+++ RECORDED INFORMATION

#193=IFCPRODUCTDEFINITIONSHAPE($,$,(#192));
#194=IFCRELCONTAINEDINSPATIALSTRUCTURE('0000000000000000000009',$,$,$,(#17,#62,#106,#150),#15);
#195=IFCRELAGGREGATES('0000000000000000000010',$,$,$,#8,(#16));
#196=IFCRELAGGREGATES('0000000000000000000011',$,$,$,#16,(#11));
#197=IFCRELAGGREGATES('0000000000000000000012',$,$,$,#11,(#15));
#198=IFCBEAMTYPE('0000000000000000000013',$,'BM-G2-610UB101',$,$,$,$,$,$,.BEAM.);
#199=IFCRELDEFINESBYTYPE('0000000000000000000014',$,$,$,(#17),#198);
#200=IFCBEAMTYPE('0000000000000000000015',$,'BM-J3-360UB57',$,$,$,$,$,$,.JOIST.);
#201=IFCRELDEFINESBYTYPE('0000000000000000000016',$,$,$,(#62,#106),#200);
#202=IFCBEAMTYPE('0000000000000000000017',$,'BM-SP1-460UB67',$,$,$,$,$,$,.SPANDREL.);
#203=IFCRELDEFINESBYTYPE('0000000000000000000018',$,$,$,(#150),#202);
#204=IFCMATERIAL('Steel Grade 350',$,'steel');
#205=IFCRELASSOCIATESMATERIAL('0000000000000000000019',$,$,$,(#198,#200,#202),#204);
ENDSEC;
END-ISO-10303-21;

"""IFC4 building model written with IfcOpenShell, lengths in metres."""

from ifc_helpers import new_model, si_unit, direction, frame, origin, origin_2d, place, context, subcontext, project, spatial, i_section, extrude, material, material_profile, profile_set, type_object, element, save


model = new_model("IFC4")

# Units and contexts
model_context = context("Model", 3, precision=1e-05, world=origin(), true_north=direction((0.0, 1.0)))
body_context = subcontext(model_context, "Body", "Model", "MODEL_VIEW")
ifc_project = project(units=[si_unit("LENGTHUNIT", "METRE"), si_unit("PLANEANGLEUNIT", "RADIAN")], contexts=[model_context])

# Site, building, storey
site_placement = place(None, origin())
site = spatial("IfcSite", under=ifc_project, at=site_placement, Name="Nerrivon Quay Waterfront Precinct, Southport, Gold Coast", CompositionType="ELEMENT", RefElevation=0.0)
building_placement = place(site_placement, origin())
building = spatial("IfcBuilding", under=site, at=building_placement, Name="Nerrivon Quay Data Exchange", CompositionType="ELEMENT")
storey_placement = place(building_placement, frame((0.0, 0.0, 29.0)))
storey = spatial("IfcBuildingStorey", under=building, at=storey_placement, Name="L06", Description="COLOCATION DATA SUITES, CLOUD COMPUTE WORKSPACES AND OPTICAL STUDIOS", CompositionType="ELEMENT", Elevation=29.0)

++++++

=== WHAT THE TASK ASKS ===
Please reproduce each entry exactly as it appears.

=== SOLUTION TO THIS PROBLEM ===
#193=IFCPRODUCTDEFINITIONSHAPE($,$,(#192));
#194=IFCRELCONTAINEDINSPATIALSTRUCTURE('0000000000000000000009',$,$,$,(#17,#62,#106,#150),#15);
#195=IFCRELAGGREGATES('0000000000000000000010',$,$,$,#8,(#16));
#196=IFCRELAGGREGATES('0000000000000000000011',$,$,$,#16,(#11));
#197=IFCRELAGGREGATES('0000000000000000000012',$,$,$,#11,(#15));
#198=IFCBEAMTYPE('0000000000000000000013',$,'BM-G2-610UB101',$,$,$,$,$,$,.BEAM.);
#199=IFCRELDEFINESBYTYPE('0000000000000000000014',$,$,$,(#17),#198);
#200=IFCBEAMTYPE('0000000000000000000015',$,'BM-J3-360UB57',$,$,$,$,$,$,.JOIST.);
#201=IFCRELDEFINESBYTYPE('0000000000000000000016',$,$,$,(#62,#106),#200);
#202=IFCBEAMTYPE('0000000000000000000017',$,'BM-SP1-460UB67',$,$,$,$,$,$,.SPANDREL.);
#203=IFCRELDEFINESBYTYPE('0000000000000000000018',$,$,$,(#150),#202);
#204=IFCMATERIAL('Steel Grade 350',$,'steel');
#205=IFCRELASSOCIATESMATERIAL('0000000000000000000019',$,$,$,(#198,#200,#202),#204);
ENDSEC;
END-ISO-10303-21;

"""IFC4 building model written with IfcOpenShell, lengths in metres."""

from ifc_helpers import new_model, si_unit, direction, frame, origin, origin_2d, place, context, subcontext, project, spatial, i_section, extrude, material, material_profile, profile_set, type_object, element, save


model = new_model("IFC4")

# Units and contexts
model_context = context("Model", 3, precision=1e-05, world=origin(), true_north=direction((0.0, 1.0)))
body_context = subcontext(model_context, "Body", "Model", "MODEL_VIEW")
ifc_project = project(units=[si_unit("LENGTHUNIT", "METRE"), si_unit("PLANEANGLEUNIT", "RADIAN")], contexts=[model_context])

# Site, building, storey
site_placement = place(None, origin())
site = spatial("IfcSite", under=ifc_project, at=site_placement, Name="Nerrivon Quay Waterfront Precinct, Southport, Gold Coast", CompositionType="ELEMENT", RefElevation=0.0)
building_placement = place(site_placement, origin())
building = spatial("IfcBuilding", under=site, at=building_placement, Name="Nerrivon Quay Data Exchange", CompositionType="ELEMENT")
storey_placement = place(building_placement, frame((0.0, 0.0, 29.0)))
storey = spatial("IfcBuildingStorey", under=building, at=storey_placement, Name="L06", Description="COLOCATION DATA SUITES, CLOUD COMPUTE WORKSPACES AND OPTICAL STUDIOS", CompositionType="ELEMENT", Elevation=29.0)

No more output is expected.